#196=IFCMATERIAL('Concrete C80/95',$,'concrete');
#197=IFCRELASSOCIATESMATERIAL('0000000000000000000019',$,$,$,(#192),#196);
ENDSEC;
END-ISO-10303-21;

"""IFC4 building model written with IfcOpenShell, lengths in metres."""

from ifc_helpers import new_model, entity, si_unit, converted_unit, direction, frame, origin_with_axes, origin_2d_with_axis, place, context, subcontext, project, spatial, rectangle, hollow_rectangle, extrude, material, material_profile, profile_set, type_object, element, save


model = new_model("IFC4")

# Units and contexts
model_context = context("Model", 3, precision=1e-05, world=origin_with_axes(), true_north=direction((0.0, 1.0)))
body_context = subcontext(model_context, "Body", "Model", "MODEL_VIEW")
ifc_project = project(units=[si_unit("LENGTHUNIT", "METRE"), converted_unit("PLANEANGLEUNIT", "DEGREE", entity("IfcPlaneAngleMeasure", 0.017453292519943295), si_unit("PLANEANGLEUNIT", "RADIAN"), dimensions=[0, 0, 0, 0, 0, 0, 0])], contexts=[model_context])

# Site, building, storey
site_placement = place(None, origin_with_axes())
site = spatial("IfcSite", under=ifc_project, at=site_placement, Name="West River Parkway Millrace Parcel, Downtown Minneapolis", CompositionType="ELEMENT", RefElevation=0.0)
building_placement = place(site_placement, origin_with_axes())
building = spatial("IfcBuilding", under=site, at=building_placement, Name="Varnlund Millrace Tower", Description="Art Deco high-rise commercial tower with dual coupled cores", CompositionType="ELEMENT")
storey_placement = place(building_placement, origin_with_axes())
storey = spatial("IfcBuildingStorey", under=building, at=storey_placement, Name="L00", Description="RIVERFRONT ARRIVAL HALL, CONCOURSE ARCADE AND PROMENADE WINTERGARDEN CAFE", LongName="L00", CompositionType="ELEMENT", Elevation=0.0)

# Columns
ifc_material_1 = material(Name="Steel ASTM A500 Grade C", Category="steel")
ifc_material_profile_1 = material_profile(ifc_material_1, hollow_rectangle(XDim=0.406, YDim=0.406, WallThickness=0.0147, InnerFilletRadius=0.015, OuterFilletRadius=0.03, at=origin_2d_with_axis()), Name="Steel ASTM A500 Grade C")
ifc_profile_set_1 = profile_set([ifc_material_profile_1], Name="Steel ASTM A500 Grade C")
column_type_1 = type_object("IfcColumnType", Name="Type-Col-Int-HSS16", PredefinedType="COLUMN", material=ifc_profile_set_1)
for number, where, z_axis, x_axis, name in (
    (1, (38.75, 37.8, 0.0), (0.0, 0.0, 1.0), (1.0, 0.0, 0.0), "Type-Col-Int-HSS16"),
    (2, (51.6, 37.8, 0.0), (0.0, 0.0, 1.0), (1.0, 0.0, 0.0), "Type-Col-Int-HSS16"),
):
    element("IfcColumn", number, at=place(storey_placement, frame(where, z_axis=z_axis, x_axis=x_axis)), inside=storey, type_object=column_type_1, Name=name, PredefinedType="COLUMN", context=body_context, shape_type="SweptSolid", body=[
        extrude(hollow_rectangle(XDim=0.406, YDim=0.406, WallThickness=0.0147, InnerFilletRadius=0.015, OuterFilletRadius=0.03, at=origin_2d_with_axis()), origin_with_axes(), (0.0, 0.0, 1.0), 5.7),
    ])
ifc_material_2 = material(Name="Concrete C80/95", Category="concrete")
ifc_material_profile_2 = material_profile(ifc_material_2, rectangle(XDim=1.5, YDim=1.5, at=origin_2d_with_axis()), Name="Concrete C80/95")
======
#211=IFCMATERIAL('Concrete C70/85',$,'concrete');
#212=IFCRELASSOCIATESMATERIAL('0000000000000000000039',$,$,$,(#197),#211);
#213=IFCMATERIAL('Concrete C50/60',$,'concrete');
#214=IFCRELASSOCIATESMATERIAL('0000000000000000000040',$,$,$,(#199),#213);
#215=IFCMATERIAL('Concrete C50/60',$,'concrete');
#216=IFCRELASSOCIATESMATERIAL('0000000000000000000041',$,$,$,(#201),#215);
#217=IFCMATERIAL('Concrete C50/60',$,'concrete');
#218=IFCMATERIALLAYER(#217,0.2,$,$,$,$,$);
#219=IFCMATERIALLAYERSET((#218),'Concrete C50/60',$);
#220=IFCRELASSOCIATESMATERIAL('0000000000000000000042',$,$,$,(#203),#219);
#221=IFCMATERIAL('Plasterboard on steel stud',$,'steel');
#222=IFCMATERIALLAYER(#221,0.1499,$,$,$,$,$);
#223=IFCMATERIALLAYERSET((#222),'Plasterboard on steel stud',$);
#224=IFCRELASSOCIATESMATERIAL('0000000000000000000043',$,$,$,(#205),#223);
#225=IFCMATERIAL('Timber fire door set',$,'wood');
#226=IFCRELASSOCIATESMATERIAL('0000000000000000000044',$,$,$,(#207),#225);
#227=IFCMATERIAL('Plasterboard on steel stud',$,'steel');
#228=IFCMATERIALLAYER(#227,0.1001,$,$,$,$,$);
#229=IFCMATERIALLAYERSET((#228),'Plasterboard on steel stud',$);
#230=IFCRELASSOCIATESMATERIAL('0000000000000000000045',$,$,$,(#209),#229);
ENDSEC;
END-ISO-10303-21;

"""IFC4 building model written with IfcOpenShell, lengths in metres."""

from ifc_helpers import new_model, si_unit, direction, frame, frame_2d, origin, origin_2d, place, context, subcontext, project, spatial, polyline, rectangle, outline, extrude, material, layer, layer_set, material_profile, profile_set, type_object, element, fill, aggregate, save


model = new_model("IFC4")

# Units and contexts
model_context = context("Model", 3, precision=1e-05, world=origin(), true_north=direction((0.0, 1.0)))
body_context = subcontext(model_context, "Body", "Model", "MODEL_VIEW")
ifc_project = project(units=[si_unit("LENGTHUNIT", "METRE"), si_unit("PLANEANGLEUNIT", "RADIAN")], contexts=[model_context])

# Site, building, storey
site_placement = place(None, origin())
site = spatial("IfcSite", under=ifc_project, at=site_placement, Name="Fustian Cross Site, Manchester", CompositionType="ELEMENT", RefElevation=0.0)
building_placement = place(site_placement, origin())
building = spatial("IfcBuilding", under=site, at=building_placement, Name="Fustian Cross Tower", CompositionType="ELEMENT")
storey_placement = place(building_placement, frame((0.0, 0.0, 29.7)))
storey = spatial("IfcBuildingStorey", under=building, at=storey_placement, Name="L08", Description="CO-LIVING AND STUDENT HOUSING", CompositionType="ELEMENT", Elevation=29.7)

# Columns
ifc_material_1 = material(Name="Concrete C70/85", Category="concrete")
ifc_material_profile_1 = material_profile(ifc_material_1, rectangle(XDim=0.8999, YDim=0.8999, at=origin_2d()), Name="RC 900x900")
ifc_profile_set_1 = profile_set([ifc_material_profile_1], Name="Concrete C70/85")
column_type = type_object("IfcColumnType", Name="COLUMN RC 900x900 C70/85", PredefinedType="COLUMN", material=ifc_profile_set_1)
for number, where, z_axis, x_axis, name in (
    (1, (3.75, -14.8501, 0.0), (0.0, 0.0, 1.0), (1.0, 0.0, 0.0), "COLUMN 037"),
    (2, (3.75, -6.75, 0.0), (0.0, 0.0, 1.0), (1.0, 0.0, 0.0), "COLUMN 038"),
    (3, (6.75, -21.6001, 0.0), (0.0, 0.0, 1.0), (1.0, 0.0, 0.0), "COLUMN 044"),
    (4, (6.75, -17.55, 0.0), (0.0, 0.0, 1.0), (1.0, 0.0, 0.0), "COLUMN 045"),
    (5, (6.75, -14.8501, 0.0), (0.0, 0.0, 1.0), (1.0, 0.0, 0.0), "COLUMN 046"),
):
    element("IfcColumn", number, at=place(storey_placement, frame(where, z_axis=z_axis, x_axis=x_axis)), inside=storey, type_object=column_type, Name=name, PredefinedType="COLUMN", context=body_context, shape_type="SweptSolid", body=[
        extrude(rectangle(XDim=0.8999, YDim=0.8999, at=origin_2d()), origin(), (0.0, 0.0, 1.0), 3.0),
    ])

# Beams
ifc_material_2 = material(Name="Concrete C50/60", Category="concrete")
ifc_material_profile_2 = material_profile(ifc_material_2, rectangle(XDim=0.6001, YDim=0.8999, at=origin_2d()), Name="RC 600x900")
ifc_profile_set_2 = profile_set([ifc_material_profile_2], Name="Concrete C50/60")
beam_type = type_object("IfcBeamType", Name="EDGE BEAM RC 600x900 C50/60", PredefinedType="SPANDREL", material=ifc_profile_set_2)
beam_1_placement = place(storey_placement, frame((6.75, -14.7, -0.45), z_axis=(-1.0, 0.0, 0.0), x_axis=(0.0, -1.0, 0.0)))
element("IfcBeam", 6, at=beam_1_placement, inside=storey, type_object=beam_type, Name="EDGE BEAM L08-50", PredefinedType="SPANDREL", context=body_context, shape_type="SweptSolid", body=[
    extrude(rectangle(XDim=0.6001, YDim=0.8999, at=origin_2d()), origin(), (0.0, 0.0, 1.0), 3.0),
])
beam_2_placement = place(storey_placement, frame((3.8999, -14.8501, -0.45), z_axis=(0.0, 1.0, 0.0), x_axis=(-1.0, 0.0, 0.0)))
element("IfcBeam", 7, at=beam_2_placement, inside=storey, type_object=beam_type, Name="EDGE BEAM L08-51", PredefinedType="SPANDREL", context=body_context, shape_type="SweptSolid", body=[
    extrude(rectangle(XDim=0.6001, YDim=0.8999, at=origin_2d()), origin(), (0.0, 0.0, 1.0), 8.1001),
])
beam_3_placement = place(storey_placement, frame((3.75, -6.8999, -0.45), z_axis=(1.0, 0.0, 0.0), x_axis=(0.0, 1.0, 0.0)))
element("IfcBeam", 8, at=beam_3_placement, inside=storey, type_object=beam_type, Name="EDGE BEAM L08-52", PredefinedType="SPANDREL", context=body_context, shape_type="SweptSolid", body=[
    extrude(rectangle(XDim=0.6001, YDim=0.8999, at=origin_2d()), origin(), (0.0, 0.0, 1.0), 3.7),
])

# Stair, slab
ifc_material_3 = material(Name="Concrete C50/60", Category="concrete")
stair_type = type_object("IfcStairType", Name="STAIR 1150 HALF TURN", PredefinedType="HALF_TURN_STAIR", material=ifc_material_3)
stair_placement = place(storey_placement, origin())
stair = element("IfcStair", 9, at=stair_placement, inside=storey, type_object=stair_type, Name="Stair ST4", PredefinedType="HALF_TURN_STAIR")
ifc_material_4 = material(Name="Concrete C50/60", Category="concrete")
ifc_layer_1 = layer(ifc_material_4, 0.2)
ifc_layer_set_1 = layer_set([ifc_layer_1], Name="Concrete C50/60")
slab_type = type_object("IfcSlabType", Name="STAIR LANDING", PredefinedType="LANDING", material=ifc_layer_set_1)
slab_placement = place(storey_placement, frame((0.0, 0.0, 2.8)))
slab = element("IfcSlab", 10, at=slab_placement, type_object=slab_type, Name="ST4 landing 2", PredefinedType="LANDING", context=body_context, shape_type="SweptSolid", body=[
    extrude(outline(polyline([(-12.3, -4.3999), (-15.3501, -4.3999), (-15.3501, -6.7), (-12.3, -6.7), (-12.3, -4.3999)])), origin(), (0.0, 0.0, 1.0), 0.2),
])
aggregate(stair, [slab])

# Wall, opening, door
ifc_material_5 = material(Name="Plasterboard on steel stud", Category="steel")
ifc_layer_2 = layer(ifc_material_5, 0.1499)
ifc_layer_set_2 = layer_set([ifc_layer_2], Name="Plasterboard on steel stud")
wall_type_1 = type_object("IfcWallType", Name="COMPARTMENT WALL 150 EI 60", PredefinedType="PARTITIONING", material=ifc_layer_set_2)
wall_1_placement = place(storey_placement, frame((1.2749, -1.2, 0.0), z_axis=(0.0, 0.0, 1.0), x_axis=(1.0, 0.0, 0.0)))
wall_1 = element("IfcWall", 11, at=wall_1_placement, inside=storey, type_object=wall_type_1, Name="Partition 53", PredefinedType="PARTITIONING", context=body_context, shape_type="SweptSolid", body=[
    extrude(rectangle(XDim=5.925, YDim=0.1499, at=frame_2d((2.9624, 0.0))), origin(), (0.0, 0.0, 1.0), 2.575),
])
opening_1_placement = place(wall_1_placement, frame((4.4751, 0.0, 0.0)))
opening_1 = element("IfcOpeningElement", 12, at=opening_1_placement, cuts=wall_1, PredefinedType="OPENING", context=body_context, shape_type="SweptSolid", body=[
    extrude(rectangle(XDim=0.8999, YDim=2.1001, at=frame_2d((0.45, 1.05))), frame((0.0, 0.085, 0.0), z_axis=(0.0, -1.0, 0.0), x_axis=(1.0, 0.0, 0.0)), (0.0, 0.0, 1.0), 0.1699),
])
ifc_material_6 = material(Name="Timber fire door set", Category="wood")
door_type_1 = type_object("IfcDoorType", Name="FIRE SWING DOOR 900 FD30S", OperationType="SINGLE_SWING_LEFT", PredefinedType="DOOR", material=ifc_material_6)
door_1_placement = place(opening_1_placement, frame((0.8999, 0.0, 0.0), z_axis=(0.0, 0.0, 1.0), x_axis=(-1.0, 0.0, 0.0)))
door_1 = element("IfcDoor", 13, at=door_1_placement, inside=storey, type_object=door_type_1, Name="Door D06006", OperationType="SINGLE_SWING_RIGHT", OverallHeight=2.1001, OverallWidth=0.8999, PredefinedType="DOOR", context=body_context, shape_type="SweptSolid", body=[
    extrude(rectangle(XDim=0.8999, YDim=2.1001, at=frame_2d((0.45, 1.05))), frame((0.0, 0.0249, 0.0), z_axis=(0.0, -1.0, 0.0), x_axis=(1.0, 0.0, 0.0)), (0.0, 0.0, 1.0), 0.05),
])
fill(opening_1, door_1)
======
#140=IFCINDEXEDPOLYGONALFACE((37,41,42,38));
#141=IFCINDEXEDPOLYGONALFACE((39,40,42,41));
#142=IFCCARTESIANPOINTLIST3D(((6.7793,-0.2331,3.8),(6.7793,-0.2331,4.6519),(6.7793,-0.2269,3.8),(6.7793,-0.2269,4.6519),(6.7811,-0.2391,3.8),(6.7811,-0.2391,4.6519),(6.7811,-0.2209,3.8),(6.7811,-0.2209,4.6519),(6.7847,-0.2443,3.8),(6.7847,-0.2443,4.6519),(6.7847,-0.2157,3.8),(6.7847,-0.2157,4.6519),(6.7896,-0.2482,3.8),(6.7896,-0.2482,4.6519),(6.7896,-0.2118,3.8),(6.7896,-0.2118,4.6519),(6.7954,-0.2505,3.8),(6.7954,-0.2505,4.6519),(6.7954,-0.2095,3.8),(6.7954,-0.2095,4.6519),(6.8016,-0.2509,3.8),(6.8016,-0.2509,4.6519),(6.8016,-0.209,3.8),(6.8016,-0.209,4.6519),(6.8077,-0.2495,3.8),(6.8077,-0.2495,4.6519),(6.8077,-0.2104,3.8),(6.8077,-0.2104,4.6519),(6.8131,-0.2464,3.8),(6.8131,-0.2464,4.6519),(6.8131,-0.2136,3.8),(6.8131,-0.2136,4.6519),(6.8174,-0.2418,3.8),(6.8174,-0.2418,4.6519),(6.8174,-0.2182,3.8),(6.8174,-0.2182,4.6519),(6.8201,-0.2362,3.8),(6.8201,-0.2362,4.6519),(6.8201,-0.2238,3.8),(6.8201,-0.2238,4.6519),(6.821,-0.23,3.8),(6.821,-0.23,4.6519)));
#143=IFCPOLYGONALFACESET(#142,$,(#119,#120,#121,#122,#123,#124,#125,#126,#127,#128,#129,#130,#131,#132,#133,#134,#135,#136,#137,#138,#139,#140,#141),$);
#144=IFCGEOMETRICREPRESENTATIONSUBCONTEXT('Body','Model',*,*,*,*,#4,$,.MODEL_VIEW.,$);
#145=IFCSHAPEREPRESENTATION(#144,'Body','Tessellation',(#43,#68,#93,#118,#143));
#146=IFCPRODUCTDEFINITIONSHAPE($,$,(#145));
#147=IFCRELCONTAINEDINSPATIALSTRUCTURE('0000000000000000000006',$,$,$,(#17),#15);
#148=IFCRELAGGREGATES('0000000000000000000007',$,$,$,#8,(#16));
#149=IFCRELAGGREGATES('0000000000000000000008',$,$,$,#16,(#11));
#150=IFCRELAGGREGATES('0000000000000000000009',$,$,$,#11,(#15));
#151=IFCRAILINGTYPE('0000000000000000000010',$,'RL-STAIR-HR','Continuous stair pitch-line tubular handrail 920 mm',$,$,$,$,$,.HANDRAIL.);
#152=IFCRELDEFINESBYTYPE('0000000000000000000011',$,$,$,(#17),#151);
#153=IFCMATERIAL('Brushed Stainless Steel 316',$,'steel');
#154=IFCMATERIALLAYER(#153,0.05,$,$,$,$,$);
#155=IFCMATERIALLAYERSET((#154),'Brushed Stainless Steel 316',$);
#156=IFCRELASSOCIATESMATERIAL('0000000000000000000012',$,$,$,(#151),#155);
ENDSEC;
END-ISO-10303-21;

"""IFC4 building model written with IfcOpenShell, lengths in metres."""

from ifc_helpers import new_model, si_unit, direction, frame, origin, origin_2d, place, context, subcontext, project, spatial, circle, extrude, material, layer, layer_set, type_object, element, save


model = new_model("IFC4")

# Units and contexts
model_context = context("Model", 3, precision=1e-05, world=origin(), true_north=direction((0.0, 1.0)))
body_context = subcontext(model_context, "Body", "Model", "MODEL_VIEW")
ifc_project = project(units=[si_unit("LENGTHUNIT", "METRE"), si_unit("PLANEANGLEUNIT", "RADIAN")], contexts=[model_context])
======
__Action item__
Which lines of the records contain the word "entity"? Copy each of them.

__Response to this exercise__
from ifc_helpers import new_model, entity, si_unit, converted_unit, direction, frame, origin_with_axes, origin_2d_with_axis, place, context, subcontext, project, spatial, rectangle, hollow_rectangle, extrude, material, material_profile, profile_set, type_object, element, save
ifc_project = project(units=[si_unit("LENGTHUNIT", "METRE"), converted_unit("PLANEANGLEUNIT", "DEGREE", entity("IfcPlaneAngleMeasure", 0.017453292519943295), si_unit("PLANEANGLEUNIT", "RADIAN"), dimensions=[0, 0, 0, 0, 0, 0, 0])], contexts=[model_context])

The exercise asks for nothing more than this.